Given entries START

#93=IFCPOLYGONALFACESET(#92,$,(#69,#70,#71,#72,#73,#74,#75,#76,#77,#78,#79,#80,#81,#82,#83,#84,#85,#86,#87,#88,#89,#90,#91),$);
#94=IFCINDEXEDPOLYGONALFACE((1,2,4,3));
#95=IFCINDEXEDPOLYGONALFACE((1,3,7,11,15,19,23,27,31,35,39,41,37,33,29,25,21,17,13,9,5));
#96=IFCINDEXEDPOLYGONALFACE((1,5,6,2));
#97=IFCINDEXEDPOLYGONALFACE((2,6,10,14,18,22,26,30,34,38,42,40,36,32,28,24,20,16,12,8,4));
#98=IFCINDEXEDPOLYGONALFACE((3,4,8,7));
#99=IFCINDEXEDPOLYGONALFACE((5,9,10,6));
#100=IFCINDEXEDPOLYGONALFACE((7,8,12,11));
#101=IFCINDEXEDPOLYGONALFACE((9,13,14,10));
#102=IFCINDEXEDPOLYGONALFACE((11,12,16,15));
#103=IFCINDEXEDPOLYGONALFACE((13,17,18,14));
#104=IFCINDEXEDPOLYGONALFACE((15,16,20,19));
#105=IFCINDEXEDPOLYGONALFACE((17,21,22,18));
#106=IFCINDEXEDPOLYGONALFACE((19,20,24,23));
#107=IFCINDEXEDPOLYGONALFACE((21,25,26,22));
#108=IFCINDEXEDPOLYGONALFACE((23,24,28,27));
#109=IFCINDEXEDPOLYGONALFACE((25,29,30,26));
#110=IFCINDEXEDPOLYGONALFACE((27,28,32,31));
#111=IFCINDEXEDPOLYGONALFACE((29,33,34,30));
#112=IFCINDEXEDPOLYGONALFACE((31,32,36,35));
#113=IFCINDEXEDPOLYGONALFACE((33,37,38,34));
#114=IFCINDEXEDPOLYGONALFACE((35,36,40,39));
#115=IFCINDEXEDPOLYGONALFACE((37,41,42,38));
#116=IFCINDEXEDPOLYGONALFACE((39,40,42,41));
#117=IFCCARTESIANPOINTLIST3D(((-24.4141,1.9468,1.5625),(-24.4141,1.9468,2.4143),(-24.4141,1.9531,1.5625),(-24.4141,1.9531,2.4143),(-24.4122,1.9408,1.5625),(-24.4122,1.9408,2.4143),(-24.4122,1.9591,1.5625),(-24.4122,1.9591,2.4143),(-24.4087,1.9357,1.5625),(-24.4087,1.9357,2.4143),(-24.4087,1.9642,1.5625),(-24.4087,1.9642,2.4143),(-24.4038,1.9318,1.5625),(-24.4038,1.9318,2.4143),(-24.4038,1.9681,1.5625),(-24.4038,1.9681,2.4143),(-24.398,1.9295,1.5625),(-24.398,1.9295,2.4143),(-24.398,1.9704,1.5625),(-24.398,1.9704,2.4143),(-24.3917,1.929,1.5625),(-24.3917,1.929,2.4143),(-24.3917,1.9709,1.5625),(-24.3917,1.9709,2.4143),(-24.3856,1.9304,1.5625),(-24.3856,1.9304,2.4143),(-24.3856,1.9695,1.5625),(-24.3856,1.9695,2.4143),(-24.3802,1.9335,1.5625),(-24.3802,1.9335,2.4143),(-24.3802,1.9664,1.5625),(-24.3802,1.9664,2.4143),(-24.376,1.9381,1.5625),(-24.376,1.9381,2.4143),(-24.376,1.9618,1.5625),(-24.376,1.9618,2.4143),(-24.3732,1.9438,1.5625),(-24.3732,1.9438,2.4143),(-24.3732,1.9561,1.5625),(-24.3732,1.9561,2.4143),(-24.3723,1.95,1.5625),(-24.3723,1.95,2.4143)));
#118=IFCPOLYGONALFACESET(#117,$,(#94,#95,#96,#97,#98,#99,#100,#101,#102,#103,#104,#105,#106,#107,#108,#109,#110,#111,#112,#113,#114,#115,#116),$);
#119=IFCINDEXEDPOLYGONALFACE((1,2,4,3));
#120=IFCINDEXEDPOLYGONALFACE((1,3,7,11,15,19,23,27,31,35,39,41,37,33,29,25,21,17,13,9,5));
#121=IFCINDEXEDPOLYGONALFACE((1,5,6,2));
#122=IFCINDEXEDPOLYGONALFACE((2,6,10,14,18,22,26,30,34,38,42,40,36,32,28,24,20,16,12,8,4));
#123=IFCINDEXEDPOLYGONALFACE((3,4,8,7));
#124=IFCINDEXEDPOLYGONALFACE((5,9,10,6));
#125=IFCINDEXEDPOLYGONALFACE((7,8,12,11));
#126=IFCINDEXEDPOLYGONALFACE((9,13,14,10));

Given entries END

## The problem
Reproduce the listing above line for line, exactly.

## Exercise solution
#93=IFCPOLYGONALFACESET(#92,$,(#69,#70,#71,#72,#73,#74,#75,#76,#77,#78,#79,#80,#81,#82,#83,#84,#85,#86,#87,#88,#89,#90,#91),$);
#94=IFCINDEXEDPOLYGONALFACE((1,2,4,3));
#95=IFCINDEXEDPOLYGONALFACE((1,3,7,11,15,19,23,27,31,35,39,41,37,33,29,25,21,17,13,9,5));
#96=IFCINDEXEDPOLYGONALFACE((1,5,6,2));
#97=IFCINDEXEDPOLYGONALFACE((2,6,10,14,18,22,26,30,34,38,42,40,36,32,28,24,20,16,12,8,4));
#98=IFCINDEXEDPOLYGONALFACE((3,4,8,7));
#99=IFCINDEXEDPOLYGONALFACE((5,9,10,6));
#100=IFCINDEXEDPOLYGONALFACE((7,8,12,11));
#101=IFCINDEXEDPOLYGONALFACE((9,13,14,10));
#102=IFCINDEXEDPOLYGONALFACE((11,12,16,15));
#103=IFCINDEXEDPOLYGONALFACE((13,17,18,14));
#104=IFCINDEXEDPOLYGONALFACE((15,16,20,19));
#105=IFCINDEXEDPOLYGONALFACE((17,21,22,18));
#106=IFCINDEXEDPOLYGONALFACE((19,20,24,23));
#107=IFCINDEXEDPOLYGONALFACE((21,25,26,22));
#108=IFCINDEXEDPOLYGONALFACE((23,24,28,27));
#109=IFCINDEXEDPOLYGONALFACE((25,29,30,26));
#110=IFCINDEXEDPOLYGONALFACE((27,28,32,31));
#111=IFCINDEXEDPOLYGONALFACE((29,33,34,30));
#112=IFCINDEXEDPOLYGONALFACE((31,32,36,35));
#113=IFCINDEXEDPOLYGONALFACE((33,37,38,34));
#114=IFCINDEXEDPOLYGONALFACE((35,36,40,39));
#115=IFCINDEXEDPOLYGONALFACE((37,41,42,38));
#116=IFCINDEXEDPOLYGONALFACE((39,40,42,41));
#117=IFCCARTESIANPOINTLIST3D(((-24.4141,1.9468,1.5625),(-24.4141,1.9468,2.4143),(-24.4141,1.9531,1.5625),(-24.4141,1.9531,2.4143),(-24.4122,1.9408,1.5625),(-24.4122,1.9408,2.4143),(-24.4122,1.9591,1.5625),(-24.4122,1.9591,2.4143),(-24.4087,1.9357,1.5625),(-24.4087,1.9357,2.4143),(-24.4087,1.9642,1.5625),(-24.4087,1.9642,2.4143),(-24.4038,1.9318,1.5625),(-24.4038,1.9318,2.4143),(-24.4038,1.9681,1.5625),(-24.4038,1.9681,2.4143),(-24.398,1.9295,1.5625),(-24.398,1.9295,2.4143),(-24.398,1.9704,1.5625),(-24.398,1.9704,2.4143),(-24.3917,1.929,1.5625),(-24.3917,1.929,2.4143),(-24.3917,1.9709,1.5625),(-24.3917,1.9709,2.4143),(-24.3856,1.9304,1.5625),(-24.3856,1.9304,2.4143),(-24.3856,1.9695,1.5625),(-24.3856,1.9695,2.4143),(-24.3802,1.9335,1.5625),(-24.3802,1.9335,2.4143),(-24.3802,1.9664,1.5625),(-24.3802,1.9664,2.4143),(-24.376,1.9381,1.5625),(-24.376,1.9381,2.4143),(-24.376,1.9618,1.5625),(-24.376,1.9618,2.4143),(-24.3732,1.9438,1.5625),(-24.3732,1.9438,2.4143),(-24.3732,1.9561,1.5625),(-24.3732,1.9561,2.4143),(-24.3723,1.95,1.5625),(-24.3723,1.95,2.4143)));
#118=IFCPOLYGONALFACESET(#117,$,(#94,#95,#96,#97,#98,#99,#100,#101,#102,#103,#104,#105,#106,#107,#108,#109,#110,#111,#112,#113,#114,#115,#116),$);
#119=IFCINDEXEDPOLYGONALFACE((1,2,4,3));
#120=IFCINDEXEDPOLYGONALFACE((1,3,7,11,15,19,23,27,31,35,39,41,37,33,29,25,21,17,13,9,5));
#121=IFCINDEXEDPOLYGONALFACE((1,5,6,2));
#122=IFCINDEXEDPOLYGONALFACE((2,6,10,14,18,22,26,30,34,38,42,40,36,32,28,24,20,16,12,8,4));
#123=IFCINDEXEDPOLYGONALFACE((3,4,8,7));
#124=IFCINDEXEDPOLYGONALFACE((5,9,10,6));
#125=IFCINDEXEDPOLYGONALFACE((7,8,12,11));
#126=IFCINDEXEDPOLYGONALFACE((9,13,14,10));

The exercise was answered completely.